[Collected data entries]

>>>

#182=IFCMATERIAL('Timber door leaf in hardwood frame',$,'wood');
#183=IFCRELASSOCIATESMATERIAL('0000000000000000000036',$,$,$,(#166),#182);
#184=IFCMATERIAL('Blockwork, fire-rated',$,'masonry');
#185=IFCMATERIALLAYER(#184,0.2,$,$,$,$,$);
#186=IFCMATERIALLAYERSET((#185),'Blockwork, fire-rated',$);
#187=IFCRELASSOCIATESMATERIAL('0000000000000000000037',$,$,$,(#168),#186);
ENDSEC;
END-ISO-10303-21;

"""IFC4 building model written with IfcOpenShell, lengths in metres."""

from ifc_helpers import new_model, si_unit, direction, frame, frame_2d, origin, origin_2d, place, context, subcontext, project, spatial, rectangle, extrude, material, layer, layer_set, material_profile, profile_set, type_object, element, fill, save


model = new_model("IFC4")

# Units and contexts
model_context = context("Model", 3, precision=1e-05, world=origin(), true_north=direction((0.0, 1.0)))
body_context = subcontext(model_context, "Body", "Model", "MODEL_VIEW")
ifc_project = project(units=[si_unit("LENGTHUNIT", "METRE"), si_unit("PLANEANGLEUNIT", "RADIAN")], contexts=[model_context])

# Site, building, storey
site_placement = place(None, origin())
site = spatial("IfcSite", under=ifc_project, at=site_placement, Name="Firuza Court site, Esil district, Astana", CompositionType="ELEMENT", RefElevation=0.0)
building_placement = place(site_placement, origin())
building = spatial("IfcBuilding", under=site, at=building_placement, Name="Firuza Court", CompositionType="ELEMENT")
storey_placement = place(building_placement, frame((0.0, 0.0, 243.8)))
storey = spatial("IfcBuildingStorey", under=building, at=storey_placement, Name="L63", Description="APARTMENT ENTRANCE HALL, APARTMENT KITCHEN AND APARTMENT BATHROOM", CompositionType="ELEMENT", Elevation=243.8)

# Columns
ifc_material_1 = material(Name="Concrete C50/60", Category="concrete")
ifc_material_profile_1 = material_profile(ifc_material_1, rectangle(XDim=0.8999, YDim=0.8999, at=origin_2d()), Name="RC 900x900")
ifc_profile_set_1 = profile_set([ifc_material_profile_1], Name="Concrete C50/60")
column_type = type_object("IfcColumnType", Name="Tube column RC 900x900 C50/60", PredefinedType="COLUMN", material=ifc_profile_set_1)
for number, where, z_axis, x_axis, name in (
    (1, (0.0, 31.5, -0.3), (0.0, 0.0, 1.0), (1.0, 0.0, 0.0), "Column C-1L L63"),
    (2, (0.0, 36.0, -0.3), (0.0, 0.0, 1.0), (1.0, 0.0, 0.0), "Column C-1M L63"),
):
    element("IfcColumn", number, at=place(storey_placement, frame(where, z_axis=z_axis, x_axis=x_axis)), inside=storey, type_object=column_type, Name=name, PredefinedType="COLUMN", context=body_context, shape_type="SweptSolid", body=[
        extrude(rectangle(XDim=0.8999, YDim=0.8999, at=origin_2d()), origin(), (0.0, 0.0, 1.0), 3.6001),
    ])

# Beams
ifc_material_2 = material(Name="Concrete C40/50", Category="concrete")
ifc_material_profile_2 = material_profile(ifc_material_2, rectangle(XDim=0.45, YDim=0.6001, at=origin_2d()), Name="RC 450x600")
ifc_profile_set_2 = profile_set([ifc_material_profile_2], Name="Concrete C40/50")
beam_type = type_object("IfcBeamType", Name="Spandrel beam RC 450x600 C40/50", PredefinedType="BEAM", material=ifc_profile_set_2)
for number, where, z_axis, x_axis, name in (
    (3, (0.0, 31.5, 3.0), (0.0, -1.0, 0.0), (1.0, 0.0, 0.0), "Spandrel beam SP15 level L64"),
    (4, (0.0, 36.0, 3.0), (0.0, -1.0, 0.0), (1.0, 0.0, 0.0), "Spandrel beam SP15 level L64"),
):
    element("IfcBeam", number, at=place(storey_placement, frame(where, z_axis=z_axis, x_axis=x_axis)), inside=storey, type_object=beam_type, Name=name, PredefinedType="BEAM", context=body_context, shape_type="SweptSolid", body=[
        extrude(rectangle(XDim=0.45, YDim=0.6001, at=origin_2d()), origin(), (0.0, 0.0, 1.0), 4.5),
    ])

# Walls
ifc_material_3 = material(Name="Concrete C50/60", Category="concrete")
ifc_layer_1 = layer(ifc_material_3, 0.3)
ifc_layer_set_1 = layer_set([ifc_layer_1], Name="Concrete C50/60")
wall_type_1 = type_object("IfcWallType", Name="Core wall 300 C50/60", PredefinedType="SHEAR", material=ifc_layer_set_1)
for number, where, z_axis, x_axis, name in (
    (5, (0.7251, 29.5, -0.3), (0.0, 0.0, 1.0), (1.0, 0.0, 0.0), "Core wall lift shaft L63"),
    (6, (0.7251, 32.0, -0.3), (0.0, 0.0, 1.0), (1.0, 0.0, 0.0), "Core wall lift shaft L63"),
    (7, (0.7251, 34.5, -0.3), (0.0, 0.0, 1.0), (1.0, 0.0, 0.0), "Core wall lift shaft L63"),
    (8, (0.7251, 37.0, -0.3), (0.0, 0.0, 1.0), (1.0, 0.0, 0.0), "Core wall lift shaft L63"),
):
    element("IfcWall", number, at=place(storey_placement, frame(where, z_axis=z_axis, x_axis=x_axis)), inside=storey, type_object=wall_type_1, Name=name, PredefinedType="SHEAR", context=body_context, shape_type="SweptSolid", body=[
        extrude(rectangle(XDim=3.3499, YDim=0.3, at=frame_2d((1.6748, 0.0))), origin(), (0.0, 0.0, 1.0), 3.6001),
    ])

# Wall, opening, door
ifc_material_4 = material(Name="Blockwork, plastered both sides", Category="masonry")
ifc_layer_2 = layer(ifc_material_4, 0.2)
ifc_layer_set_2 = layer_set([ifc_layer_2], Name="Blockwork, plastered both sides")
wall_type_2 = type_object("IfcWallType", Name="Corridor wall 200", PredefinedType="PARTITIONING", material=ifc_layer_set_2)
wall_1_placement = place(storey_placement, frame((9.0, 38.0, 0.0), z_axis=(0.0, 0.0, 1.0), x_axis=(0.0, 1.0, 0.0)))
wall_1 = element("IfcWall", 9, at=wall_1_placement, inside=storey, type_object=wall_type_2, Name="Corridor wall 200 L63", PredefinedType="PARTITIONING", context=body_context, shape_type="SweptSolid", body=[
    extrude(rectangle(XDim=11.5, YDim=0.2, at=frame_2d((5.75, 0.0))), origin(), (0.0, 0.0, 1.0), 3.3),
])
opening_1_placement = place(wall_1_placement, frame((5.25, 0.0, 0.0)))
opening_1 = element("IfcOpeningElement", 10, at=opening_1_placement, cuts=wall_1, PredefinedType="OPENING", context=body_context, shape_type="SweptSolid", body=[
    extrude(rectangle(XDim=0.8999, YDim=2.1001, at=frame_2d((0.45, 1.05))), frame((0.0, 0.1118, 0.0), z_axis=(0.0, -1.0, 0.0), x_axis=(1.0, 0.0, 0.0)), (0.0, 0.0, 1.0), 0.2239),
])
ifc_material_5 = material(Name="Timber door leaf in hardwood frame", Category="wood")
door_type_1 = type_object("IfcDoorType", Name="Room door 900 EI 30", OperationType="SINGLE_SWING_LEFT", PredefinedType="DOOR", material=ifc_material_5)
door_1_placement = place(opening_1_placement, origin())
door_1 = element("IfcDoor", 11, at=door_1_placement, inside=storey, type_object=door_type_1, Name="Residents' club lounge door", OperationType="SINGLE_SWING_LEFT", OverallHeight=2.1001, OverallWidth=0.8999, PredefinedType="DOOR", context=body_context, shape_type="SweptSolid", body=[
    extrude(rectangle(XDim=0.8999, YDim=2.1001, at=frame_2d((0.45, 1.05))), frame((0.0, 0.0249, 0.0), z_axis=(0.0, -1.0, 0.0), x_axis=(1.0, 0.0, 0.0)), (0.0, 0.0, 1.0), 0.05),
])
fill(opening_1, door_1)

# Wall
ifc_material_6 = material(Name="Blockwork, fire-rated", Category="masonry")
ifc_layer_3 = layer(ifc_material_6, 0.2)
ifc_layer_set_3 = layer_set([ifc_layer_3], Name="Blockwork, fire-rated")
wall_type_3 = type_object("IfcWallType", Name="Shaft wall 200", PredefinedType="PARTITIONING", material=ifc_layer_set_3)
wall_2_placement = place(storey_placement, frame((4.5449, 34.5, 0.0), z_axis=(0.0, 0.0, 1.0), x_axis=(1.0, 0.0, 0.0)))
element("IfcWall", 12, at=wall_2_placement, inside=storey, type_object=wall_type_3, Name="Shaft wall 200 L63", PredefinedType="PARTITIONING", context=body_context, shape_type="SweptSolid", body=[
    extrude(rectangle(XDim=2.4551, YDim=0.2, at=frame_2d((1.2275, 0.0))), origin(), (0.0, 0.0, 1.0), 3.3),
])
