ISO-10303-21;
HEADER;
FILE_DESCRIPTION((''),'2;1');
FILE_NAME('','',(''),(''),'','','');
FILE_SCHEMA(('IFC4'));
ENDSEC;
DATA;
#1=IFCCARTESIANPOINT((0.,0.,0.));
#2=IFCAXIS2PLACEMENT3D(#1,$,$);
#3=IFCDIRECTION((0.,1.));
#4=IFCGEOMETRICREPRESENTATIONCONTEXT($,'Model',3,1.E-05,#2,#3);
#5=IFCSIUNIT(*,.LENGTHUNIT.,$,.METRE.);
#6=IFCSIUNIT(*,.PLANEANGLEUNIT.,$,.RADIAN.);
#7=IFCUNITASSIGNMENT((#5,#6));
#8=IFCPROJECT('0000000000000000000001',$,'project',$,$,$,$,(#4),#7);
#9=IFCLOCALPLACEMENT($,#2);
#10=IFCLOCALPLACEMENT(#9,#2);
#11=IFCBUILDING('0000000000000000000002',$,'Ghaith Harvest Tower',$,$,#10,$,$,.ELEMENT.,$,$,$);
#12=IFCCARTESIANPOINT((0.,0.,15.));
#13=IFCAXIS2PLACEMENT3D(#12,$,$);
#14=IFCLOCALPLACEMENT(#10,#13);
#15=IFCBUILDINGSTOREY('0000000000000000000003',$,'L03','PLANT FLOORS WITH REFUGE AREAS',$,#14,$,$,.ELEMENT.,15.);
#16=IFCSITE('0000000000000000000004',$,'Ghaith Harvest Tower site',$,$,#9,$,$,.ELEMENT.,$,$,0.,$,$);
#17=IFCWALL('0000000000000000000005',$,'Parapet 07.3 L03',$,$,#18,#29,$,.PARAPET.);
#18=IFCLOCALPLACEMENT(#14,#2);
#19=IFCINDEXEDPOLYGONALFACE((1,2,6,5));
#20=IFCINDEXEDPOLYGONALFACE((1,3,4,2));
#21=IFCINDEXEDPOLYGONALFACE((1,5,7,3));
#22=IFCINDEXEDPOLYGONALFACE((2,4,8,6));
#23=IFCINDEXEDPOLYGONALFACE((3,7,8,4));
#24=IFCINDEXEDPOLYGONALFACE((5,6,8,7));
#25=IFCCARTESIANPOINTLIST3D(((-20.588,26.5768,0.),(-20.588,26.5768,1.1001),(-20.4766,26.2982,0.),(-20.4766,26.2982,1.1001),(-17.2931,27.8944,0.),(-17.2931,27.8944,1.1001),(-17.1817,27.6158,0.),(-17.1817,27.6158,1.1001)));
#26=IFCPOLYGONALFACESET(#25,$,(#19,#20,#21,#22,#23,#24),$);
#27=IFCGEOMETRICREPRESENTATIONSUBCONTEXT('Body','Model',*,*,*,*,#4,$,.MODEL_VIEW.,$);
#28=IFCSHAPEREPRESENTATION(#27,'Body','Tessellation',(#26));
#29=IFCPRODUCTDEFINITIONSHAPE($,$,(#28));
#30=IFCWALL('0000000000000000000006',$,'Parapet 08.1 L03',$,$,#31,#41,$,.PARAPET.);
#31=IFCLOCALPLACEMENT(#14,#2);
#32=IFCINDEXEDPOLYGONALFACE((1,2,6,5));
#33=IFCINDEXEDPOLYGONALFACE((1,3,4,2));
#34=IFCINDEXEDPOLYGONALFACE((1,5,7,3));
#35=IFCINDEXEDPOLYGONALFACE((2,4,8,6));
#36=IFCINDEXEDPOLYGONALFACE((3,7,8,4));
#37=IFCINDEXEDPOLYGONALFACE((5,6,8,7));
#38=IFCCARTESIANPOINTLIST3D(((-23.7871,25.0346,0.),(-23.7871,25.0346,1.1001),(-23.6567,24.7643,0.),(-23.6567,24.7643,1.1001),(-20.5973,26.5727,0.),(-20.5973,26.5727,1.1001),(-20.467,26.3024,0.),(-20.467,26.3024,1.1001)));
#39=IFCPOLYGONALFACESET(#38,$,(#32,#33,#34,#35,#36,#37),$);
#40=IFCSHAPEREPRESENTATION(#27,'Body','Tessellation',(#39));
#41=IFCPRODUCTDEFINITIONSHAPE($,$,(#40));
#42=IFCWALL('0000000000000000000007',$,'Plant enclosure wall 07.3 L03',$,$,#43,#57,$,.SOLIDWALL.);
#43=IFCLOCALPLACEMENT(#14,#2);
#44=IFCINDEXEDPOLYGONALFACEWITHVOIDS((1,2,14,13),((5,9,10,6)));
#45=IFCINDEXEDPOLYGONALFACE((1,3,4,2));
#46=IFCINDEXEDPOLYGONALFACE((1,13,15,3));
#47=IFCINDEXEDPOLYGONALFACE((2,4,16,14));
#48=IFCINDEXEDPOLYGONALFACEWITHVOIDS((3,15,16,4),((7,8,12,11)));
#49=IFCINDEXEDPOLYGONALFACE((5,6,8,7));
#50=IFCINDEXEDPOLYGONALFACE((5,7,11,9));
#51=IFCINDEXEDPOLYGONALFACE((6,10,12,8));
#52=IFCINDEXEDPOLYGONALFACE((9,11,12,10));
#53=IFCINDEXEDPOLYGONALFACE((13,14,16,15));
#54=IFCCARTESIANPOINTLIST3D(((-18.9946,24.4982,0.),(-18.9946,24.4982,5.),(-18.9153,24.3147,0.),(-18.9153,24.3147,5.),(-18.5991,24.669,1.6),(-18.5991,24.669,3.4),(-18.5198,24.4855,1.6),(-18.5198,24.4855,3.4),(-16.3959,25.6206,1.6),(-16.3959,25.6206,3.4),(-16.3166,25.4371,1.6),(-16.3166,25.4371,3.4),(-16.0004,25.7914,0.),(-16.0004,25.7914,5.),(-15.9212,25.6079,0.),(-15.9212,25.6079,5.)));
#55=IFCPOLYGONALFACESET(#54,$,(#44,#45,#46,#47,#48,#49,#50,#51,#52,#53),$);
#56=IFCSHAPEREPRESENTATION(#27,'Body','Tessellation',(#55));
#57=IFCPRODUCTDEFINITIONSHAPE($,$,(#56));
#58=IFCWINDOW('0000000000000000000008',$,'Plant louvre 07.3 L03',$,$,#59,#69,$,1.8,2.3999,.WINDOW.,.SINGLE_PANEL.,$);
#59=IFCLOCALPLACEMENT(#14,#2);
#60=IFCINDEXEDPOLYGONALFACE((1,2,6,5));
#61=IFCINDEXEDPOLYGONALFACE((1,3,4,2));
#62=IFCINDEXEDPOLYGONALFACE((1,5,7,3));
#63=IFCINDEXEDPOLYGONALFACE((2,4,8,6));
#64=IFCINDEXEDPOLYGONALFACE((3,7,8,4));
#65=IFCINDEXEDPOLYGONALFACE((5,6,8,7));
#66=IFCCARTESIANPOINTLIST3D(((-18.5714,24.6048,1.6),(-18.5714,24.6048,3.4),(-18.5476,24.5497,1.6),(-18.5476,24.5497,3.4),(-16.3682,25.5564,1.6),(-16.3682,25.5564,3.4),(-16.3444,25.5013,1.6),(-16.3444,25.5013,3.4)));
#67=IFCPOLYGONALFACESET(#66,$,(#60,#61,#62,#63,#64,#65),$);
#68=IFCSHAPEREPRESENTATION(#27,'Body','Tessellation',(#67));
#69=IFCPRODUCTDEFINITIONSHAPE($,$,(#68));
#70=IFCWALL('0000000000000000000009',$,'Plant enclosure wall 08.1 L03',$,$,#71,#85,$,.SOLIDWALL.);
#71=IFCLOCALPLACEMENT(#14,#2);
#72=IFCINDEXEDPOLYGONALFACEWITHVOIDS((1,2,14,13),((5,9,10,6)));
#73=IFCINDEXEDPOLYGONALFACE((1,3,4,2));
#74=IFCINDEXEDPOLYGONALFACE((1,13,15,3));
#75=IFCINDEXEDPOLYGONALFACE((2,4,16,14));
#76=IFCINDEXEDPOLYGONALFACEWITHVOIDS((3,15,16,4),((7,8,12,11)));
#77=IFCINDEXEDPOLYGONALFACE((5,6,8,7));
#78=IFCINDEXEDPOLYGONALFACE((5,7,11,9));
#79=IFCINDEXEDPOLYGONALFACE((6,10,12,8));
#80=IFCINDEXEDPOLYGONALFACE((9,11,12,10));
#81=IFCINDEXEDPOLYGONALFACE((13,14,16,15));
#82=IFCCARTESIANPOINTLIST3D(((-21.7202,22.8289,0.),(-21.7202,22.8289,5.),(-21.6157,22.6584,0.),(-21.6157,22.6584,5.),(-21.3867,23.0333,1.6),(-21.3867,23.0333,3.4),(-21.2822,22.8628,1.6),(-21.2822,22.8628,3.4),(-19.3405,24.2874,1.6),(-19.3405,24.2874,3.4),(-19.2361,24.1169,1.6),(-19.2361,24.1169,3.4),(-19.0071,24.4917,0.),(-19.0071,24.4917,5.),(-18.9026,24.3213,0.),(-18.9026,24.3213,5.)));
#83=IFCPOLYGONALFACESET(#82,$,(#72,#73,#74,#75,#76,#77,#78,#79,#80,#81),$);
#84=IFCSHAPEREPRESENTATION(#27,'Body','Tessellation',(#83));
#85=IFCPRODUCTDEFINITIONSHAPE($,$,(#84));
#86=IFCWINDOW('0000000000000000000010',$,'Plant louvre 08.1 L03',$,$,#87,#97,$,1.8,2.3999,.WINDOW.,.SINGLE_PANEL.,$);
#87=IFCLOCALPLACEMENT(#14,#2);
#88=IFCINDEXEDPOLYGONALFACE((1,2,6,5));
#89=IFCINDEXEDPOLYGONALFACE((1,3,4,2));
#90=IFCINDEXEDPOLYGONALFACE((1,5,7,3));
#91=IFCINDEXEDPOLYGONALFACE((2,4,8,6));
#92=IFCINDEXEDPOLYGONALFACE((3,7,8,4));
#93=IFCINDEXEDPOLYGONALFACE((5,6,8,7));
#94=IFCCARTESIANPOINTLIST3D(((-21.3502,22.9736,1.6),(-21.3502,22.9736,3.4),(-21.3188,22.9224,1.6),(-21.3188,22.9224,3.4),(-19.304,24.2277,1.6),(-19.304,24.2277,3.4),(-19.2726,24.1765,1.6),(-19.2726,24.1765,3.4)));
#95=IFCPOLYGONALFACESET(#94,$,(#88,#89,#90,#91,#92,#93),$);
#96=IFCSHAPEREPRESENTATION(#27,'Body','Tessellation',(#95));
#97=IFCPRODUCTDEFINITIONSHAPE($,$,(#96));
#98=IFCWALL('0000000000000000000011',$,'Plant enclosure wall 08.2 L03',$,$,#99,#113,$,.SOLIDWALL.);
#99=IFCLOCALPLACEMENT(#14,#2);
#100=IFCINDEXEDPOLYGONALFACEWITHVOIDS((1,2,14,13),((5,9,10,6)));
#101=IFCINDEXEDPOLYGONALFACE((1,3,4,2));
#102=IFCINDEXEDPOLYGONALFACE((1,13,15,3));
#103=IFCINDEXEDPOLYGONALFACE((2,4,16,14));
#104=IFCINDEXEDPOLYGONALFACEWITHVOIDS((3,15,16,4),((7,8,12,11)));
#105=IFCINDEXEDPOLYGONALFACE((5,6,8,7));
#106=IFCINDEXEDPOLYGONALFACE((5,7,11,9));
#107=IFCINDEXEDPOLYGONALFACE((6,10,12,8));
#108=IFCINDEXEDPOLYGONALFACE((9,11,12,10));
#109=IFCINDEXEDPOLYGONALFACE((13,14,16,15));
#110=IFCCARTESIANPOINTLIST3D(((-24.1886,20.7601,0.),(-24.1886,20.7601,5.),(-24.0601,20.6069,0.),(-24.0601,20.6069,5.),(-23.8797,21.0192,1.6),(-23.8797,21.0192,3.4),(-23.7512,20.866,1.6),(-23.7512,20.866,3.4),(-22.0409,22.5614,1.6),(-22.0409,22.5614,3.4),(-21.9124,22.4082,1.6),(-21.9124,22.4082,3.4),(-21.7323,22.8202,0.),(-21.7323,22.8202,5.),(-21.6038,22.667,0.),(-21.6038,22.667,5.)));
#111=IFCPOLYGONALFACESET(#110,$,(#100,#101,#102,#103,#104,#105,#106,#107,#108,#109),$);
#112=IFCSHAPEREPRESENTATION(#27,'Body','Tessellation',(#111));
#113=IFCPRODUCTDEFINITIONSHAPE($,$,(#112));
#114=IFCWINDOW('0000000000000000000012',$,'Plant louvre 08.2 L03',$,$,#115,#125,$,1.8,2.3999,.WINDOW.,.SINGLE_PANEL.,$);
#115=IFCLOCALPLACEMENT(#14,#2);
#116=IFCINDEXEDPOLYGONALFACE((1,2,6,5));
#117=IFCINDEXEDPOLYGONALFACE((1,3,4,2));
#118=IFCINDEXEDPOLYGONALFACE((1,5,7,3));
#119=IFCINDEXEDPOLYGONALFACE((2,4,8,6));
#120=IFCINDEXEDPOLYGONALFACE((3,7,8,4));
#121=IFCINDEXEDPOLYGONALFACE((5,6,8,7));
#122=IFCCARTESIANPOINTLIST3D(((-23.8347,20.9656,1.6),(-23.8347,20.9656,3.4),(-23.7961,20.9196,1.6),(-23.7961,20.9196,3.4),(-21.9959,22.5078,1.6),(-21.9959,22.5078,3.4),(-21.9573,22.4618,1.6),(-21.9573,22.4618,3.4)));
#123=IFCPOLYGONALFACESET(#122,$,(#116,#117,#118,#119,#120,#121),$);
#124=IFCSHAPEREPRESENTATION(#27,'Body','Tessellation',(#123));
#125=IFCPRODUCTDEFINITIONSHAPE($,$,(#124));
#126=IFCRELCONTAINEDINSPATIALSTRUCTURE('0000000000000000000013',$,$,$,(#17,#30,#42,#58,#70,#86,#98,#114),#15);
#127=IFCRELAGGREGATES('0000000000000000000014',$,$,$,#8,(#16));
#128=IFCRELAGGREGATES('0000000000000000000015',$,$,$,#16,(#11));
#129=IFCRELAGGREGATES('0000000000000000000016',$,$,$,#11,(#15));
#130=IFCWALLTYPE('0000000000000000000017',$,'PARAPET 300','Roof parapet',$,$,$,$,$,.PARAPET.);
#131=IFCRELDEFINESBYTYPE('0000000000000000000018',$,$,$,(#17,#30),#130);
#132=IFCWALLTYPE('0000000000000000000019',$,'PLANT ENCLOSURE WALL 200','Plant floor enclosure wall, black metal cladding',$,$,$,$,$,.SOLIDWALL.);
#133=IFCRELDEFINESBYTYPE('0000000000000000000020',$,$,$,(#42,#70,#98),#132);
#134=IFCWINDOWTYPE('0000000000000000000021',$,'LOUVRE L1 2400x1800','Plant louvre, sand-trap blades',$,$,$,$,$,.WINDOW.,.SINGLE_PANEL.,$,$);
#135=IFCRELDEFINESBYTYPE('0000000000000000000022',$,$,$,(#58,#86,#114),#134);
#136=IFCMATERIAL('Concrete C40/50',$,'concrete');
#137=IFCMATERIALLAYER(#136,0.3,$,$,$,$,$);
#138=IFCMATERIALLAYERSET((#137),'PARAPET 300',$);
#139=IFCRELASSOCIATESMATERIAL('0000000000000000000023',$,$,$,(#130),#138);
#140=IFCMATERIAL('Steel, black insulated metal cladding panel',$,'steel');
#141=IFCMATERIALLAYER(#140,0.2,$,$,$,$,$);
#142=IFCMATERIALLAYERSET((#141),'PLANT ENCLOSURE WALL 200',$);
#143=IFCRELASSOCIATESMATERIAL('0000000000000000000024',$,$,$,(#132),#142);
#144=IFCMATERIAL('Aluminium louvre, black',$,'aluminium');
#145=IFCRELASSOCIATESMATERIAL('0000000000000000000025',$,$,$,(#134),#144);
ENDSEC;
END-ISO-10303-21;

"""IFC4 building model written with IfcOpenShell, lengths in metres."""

from ifc_helpers import new_model, si_unit, direction, frame, frame_2d, origin, place, context, subcontext, project, spatial, rectangle, extrude, material, layer, layer_set, type_object, element, fill, save


model = new_model("IFC4")

# Units and contexts
model_context = context("Model", 3, precision=1e-05, world=origin(), true_north=direction((0.0, 1.0)))
body_context = subcontext(model_context, "Body", "Model", "MODEL_VIEW")
ifc_project = project(units=[si_unit("LENGTHUNIT", "METRE"), si_unit("PLANEANGLEUNIT", "RADIAN")], contexts=[model_context])

# Site, building, storey
site_placement = place(None, origin())
site = spatial("IfcSite", under=ifc_project, at=site_placement, Name="Ghaith Harvest Tower site", CompositionType="ELEMENT", RefElevation=0.0)
building_placement = place(site_placement, origin())
building = spatial("IfcBuilding", under=site, at=building_placement, Name="Ghaith Harvest Tower", CompositionType="ELEMENT")
storey_placement = place(building_placement, frame((0.0, 0.0, 15.0)))
storey = spatial("IfcBuildingStorey", under=building, at=storey_placement, Name="L03", Description="PLANT FLOORS WITH REFUGE AREAS", CompositionType="ELEMENT", Elevation=15.0)

# Walls
ifc_material_1 = material(Name="Concrete C40/50", Category="concrete")
ifc_layer_1 = layer(ifc_material_1, 0.3)
ifc_layer_set_1 = layer_set([ifc_layer_1], Name="PARAPET 300")
wall_type_1 = type_object("IfcWallType", Name="PARAPET 300", Description="Roof parapet", PredefinedType="PARAPET", material=ifc_layer_set_1)
wall_1_placement = place(storey_placement, frame((-17.2373, 27.7551, 0.0), z_axis=(0.0, 0.0, 1.0), x_axis=(-0.92851, -0.371308, 0.0)))
element("IfcWall", 1, at=wall_1_placement, inside=storey, type_object=wall_type_1, Name="Parapet 07.3 L03", PredefinedType="PARAPET", context=body_context, shape_type="SweptSolid", body=[
    extrude(rectangle(XDim=3.5486, YDim=0.3, at=frame_2d((1.7744, 0.0))), origin(), (0.0, 0.0, 1.0), 1.1001),
])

<<<

For this exercise, copy every line of the data that holds "Spandrel".

> Exercise result:
beam_type = type_object("IfcBeamType", Name="Spandrel beam RC 450x600 C40/50", PredefinedType="BEAM", material=ifc_profile_set_2)
    (3, (0.0, 31.5, 3.0), (0.0, -1.0, 0.0), (1.0, 0.0, 0.0), "Spandrel beam SP15 level L64"),
    (4, (0.0, 36.0, 3.0), (0.0, -1.0, 0.0), (1.0, 0.0, 0.0), "Spandrel beam SP15 level L64"),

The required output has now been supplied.